**What this task involves**
In the records below, begin at the line that has "#72=IFCINDEXEDPOLYGONALFACE((3,4,8,7));" and stop after the line that has "#142=IFCMATERIALLAYER(#141,0.03,$,$,$,$,$);"; quote those lines verbatim and nothing more.

Stored entries
>>>

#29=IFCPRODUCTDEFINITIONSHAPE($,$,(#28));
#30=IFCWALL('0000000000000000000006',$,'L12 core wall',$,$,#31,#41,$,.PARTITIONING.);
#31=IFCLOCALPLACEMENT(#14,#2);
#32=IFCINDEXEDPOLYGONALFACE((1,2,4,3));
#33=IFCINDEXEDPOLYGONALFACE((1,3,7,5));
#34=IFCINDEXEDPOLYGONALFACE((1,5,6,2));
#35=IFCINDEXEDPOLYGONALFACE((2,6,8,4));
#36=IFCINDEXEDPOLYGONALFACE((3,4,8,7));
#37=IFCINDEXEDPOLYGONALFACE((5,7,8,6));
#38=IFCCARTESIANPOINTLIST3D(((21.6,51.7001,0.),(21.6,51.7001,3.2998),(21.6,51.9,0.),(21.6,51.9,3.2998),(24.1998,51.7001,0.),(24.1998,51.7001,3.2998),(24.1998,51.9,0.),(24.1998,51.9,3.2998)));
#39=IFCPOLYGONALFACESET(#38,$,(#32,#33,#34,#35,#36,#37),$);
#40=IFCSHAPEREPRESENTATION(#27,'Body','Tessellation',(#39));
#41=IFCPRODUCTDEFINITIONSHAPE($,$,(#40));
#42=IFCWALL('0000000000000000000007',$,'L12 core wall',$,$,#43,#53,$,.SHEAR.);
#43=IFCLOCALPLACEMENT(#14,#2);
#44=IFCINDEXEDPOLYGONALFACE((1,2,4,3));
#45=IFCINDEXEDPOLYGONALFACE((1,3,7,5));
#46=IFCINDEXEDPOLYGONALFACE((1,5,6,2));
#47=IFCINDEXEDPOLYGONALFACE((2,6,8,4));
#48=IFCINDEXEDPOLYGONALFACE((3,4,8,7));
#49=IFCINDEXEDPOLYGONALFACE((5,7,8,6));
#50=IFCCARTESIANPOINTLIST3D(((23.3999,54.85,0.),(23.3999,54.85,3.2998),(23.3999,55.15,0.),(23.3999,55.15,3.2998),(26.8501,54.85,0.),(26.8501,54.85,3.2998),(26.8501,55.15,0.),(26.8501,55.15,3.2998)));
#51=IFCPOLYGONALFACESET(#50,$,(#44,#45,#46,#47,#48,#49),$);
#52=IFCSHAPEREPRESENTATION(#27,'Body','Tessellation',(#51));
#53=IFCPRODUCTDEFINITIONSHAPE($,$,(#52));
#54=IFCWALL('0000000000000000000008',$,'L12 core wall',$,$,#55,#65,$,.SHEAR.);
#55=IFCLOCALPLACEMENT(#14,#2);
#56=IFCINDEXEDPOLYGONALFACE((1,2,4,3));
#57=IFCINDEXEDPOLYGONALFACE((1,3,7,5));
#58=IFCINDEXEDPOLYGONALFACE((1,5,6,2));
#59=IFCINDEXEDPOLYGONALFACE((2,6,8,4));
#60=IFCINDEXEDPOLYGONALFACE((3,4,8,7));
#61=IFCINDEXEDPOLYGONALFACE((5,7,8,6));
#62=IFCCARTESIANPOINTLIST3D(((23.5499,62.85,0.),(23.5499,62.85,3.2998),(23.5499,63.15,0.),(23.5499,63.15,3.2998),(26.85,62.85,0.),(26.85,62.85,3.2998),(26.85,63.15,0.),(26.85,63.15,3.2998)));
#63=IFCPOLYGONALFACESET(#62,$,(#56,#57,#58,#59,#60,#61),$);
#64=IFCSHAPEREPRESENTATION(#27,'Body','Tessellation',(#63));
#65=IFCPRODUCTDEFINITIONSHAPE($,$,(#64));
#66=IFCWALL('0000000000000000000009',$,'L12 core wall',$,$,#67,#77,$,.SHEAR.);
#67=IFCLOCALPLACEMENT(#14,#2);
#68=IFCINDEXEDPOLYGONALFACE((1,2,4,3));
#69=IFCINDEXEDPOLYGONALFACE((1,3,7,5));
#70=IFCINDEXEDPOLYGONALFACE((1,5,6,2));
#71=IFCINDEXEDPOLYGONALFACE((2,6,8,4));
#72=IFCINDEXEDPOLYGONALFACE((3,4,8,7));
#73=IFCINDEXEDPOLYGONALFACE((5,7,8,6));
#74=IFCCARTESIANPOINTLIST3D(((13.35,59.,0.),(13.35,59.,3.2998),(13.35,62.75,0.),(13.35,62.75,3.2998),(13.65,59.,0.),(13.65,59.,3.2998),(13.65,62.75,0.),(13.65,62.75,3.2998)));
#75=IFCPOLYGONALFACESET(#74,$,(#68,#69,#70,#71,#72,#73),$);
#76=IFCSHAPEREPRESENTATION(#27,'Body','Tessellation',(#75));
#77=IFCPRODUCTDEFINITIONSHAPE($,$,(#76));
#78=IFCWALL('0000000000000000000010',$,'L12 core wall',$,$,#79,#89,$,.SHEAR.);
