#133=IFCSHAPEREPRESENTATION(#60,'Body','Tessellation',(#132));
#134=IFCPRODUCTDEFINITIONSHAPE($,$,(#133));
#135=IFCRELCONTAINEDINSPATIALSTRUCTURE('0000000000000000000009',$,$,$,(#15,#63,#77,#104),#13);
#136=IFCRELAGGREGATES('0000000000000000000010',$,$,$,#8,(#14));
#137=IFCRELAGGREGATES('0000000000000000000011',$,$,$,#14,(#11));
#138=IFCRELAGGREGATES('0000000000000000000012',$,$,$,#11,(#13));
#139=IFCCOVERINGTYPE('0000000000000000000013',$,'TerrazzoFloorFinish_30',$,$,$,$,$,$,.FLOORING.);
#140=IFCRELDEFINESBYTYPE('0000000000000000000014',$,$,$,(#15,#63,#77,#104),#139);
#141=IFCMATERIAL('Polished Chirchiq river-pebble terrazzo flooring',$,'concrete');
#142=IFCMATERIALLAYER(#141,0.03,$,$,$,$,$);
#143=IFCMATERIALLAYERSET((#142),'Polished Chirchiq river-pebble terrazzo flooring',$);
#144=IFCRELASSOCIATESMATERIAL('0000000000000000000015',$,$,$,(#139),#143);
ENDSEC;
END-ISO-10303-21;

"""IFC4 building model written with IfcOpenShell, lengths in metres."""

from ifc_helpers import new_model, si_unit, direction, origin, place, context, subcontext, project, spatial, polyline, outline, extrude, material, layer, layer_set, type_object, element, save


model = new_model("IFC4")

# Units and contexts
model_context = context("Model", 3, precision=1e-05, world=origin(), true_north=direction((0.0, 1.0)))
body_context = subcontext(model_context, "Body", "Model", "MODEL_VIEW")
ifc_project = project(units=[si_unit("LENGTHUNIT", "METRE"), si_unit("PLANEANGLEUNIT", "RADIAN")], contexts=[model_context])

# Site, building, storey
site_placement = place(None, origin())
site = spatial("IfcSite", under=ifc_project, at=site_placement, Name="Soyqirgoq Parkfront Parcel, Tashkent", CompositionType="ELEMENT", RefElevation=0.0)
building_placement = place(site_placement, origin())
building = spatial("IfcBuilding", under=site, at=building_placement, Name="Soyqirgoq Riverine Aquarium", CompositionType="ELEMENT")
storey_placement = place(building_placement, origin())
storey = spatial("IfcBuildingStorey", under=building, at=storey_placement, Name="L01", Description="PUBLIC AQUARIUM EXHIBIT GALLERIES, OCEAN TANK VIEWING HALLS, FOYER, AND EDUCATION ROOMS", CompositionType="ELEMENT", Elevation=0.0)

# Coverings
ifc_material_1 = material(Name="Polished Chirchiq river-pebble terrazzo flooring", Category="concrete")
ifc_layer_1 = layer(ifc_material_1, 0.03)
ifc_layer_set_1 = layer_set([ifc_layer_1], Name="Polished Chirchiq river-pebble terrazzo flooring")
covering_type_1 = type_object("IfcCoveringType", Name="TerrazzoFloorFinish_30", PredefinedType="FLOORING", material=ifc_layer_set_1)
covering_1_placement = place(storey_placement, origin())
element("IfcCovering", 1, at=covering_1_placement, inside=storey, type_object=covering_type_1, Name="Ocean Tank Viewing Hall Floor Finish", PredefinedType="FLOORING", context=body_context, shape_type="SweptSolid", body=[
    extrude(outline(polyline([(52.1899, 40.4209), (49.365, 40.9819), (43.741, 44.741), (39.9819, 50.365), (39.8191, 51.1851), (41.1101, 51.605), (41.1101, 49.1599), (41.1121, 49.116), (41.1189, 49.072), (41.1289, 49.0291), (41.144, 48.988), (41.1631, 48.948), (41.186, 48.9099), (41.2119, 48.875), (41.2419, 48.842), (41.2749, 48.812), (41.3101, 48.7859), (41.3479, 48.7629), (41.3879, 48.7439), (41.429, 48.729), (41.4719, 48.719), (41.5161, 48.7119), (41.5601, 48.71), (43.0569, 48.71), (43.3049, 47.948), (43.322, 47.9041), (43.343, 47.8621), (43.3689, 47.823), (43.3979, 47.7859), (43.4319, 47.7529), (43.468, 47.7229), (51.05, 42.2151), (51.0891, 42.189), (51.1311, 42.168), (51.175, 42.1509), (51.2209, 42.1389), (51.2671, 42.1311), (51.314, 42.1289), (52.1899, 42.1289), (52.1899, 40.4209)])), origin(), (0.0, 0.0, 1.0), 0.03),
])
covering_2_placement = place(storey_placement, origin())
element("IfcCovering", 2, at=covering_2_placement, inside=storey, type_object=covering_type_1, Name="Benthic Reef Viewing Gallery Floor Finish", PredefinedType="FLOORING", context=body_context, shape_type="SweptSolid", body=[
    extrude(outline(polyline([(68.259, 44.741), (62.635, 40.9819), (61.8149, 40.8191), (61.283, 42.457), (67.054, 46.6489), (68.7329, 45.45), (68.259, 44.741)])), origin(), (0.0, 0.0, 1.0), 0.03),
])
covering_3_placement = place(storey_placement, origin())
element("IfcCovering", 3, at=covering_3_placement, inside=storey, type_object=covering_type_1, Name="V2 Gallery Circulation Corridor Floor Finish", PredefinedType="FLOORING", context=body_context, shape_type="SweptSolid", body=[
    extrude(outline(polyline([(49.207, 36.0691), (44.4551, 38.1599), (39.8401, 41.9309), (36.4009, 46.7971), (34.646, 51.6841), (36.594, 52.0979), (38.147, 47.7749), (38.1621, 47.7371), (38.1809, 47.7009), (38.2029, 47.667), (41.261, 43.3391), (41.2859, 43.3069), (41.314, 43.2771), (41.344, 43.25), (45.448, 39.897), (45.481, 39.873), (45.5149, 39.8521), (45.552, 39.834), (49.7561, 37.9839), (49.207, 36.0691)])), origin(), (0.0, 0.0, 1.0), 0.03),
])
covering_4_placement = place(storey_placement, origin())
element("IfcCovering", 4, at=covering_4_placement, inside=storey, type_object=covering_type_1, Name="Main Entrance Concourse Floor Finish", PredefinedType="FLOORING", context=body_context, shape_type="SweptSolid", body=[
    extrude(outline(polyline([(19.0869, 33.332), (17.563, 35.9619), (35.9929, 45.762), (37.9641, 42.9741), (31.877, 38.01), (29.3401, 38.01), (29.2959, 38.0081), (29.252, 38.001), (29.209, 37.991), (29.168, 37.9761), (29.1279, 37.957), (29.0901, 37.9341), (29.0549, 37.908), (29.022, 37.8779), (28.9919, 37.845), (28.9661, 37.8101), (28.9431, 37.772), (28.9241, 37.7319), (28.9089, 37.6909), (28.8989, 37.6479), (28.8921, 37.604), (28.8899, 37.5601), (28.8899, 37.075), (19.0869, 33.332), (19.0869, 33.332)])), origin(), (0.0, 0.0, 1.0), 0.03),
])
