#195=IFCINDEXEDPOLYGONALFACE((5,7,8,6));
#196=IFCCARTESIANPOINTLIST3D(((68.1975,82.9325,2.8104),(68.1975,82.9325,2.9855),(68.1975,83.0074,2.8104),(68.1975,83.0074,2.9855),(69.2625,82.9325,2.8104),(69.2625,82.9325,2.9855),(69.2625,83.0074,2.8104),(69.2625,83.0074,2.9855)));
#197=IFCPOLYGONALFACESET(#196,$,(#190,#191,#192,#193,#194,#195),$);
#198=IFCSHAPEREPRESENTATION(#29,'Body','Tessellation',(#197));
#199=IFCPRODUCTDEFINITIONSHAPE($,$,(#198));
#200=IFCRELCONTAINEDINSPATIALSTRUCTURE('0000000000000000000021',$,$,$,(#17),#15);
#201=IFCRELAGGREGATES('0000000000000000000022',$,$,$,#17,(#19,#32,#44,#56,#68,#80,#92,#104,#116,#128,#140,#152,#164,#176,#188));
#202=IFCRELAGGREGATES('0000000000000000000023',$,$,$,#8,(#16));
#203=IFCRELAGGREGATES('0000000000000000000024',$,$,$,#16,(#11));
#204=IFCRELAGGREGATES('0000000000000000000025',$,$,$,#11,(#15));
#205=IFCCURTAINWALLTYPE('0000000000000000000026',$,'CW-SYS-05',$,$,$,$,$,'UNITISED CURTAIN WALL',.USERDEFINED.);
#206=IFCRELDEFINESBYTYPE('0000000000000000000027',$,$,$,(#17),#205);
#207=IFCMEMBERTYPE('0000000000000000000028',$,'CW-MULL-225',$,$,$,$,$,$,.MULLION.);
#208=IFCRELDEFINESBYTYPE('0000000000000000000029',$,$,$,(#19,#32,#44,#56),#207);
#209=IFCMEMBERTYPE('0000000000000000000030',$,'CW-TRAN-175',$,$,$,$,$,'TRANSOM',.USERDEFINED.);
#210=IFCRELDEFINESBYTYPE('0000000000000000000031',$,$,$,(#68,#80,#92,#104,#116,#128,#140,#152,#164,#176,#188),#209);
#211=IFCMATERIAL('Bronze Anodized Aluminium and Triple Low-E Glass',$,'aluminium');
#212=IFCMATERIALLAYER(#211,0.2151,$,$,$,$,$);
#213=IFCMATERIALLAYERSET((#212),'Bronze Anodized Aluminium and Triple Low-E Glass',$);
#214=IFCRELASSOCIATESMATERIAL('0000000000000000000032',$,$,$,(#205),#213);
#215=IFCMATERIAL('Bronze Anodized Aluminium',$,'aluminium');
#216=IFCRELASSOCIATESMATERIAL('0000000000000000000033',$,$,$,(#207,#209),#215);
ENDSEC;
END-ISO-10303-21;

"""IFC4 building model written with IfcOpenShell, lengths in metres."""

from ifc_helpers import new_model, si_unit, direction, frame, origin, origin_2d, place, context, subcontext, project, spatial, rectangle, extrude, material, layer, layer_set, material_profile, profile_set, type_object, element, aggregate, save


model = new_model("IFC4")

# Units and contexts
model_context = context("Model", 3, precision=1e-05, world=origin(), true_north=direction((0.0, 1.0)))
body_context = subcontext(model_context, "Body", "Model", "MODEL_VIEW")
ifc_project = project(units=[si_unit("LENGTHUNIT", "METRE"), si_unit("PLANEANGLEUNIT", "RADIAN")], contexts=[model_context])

<<<

**Your solution**
#72=IFCINDEXEDPOLYGONALFACE((3,4,8,7));
#73=IFCINDEXEDPOLYGONALFACE((5,7,8,6));
#74=IFCCARTESIANPOINTLIST3D(((13.35,59.,0.),(13.35,59.,3.2998),(13.35,62.75,0.),(13.35,62.75,3.2998),(13.65,59.,0.),(13.65,59.,3.2998),(13.65,62.75,0.),(13.65,62.75,3.2998)));
#75=IFCPOLYGONALFACESET(#74,$,(#68,#69,#70,#71,#72,#73),$);
#76=IFCSHAPEREPRESENTATION(#27,'Body','Tessellation',(#75));
#77=IFCPRODUCTDEFINITIONSHAPE($,$,(#76));
#78=IFCWALL('0000000000000000000010',$,'L12 core wall',$,$,#79,#89,$,.SHEAR.);
#133=IFCSHAPEREPRESENTATION(#60,'Body','Tessellation',(#132));
#134=IFCPRODUCTDEFINITIONSHAPE($,$,(#133));
#135=IFCRELCONTAINEDINSPATIALSTRUCTURE('0000000000000000000009',$,$,$,(#15,#63,#77,#104),#13);
#136=IFCRELAGGREGATES('0000000000000000000010',$,$,$,#8,(#14));
#137=IFCRELAGGREGATES('0000000000000000000011',$,$,$,#14,(#11));
#138=IFCRELAGGREGATES('0000000000000000000012',$,$,$,#11,(#13));
#139=IFCCOVERINGTYPE('0000000000000000000013',$,'TerrazzoFloorFinish_30',$,$,$,$,$,$,.FLOORING.);
#140=IFCRELDEFINESBYTYPE('0000000000000000000014',$,$,$,(#15,#63,#77,#104),#139);
#141=IFCMATERIAL('Polished Chirchiq river-pebble terrazzo flooring',$,'concrete');
#142=IFCMATERIALLAYER(#141,0.03,$,$,$,$,$);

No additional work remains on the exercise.